Collected data entries

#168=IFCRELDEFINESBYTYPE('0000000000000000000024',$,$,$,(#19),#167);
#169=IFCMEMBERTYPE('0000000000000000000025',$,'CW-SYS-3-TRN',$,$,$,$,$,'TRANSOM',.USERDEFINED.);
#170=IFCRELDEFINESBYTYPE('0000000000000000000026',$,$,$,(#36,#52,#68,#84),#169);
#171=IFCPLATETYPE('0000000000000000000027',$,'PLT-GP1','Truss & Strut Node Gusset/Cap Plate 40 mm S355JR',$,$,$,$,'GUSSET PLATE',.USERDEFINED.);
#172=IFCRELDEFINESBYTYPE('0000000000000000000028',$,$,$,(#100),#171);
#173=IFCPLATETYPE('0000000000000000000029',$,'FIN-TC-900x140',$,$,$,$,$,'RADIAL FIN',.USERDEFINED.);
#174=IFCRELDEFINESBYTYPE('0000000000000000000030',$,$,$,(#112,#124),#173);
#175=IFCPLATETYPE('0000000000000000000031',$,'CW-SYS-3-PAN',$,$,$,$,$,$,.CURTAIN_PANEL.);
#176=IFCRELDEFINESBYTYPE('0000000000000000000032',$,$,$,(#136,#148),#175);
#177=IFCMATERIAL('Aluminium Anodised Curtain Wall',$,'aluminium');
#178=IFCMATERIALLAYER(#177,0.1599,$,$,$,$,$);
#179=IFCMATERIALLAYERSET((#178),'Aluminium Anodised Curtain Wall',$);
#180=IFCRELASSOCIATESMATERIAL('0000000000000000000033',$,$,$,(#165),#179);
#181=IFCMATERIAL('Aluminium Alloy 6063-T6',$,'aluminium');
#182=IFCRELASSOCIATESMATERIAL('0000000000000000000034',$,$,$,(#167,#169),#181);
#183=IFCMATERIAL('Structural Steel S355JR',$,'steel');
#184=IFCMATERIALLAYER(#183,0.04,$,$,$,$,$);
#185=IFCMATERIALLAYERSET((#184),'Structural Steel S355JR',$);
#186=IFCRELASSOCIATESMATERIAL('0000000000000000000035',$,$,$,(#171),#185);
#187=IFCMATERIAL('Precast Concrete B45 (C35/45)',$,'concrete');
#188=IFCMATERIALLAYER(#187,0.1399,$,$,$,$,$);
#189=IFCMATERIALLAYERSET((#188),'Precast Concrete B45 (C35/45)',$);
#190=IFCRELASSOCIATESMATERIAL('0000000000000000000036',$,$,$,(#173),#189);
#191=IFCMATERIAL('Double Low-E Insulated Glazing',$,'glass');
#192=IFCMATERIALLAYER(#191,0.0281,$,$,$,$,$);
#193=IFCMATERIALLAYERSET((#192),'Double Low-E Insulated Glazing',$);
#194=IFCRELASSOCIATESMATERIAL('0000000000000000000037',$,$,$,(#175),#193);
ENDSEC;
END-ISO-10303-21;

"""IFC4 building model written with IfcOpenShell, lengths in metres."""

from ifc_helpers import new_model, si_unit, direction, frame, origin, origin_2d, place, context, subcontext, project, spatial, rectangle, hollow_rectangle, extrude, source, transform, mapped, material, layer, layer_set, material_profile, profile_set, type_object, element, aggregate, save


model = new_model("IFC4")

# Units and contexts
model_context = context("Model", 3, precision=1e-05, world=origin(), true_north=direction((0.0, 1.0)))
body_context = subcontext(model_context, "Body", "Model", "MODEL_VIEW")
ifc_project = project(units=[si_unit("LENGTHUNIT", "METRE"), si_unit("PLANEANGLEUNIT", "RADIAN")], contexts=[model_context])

== Task details ==
Retype the entries shown above. Keep every word exactly as it is.

== Reply to the task ==
#168=IFCRELDEFINESBYTYPE('0000000000000000000024',$,$,$,(#19),#167);
#169=IFCMEMBERTYPE('0000000000000000000025',$,'CW-SYS-3-TRN',$,$,$,$,$,'TRANSOM',.USERDEFINED.);
#170=IFCRELDEFINESBYTYPE('0000000000000000000026',$,$,$,(#36,#52,#68,#84),#169);
#171=IFCPLATETYPE('0000000000000000000027',$,'PLT-GP1','Truss & Strut Node Gusset/Cap Plate 40 mm S355JR',$,$,$,$,'GUSSET PLATE',.USERDEFINED.);
#172=IFCRELDEFINESBYTYPE('0000000000000000000028',$,$,$,(#100),#171);
#173=IFCPLATETYPE('0000000000000000000029',$,'FIN-TC-900x140',$,$,$,$,$,'RADIAL FIN',.USERDEFINED.);
#174=IFCRELDEFINESBYTYPE('0000000000000000000030',$,$,$,(#112,#124),#173);
#175=IFCPLATETYPE('0000000000000000000031',$,'CW-SYS-3-PAN',$,$,$,$,$,$,.CURTAIN_PANEL.);
#176=IFCRELDEFINESBYTYPE('0000000000000000000032',$,$,$,(#136,#148),#175);
#177=IFCMATERIAL('Aluminium Anodised Curtain Wall',$,'aluminium');
#178=IFCMATERIALLAYER(#177,0.1599,$,$,$,$,$);
#179=IFCMATERIALLAYERSET((#178),'Aluminium Anodised Curtain Wall',$);
#180=IFCRELASSOCIATESMATERIAL('0000000000000000000033',$,$,$,(#165),#179);
#181=IFCMATERIAL('Aluminium Alloy 6063-T6',$,'aluminium');
#182=IFCRELASSOCIATESMATERIAL('0000000000000000000034',$,$,$,(#167,#169),#181);
#183=IFCMATERIAL('Structural Steel S355JR',$,'steel');
#184=IFCMATERIALLAYER(#183,0.04,$,$,$,$,$);
#185=IFCMATERIALLAYERSET((#184),'Structural Steel S355JR',$);
#186=IFCRELASSOCIATESMATERIAL('0000000000000000000035',$,$,$,(#171),#185);
#187=IFCMATERIAL('Precast Concrete B45 (C35/45)',$,'concrete');
#188=IFCMATERIALLAYER(#187,0.1399,$,$,$,$,$);
#189=IFCMATERIALLAYERSET((#188),'Precast Concrete B45 (C35/45)',$);
#190=IFCRELASSOCIATESMATERIAL('0000000000000000000036',$,$,$,(#173),#189);
#191=IFCMATERIAL('Double Low-E Insulated Glazing',$,'glass');
#192=IFCMATERIALLAYER(#191,0.0281,$,$,$,$,$);
#193=IFCMATERIALLAYERSET((#192),'Double Low-E Insulated Glazing',$);
#194=IFCRELASSOCIATESMATERIAL('0000000000000000000037',$,$,$,(#175),#193);
ENDSEC;
END-ISO-10303-21;

"""IFC4 building model written with IfcOpenShell, lengths in metres."""

from ifc_helpers import new_model, si_unit, direction, frame, origin, origin_2d, place, context, subcontext, project, spatial, rectangle, hollow_rectangle, extrude, source, transform, mapped, material, layer, layer_set, material_profile, profile_set, type_object, element, aggregate, save


model = new_model("IFC4")

# Units and contexts
model_context = context("Model", 3, precision=1e-05, world=origin(), true_north=direction((0.0, 1.0)))
body_context = subcontext(model_context, "Body", "Model", "MODEL_VIEW")
ifc_project = project(units=[si_unit("LENGTHUNIT", "METRE"), si_unit("PLANEANGLEUNIT", "RADIAN")], contexts=[model_context])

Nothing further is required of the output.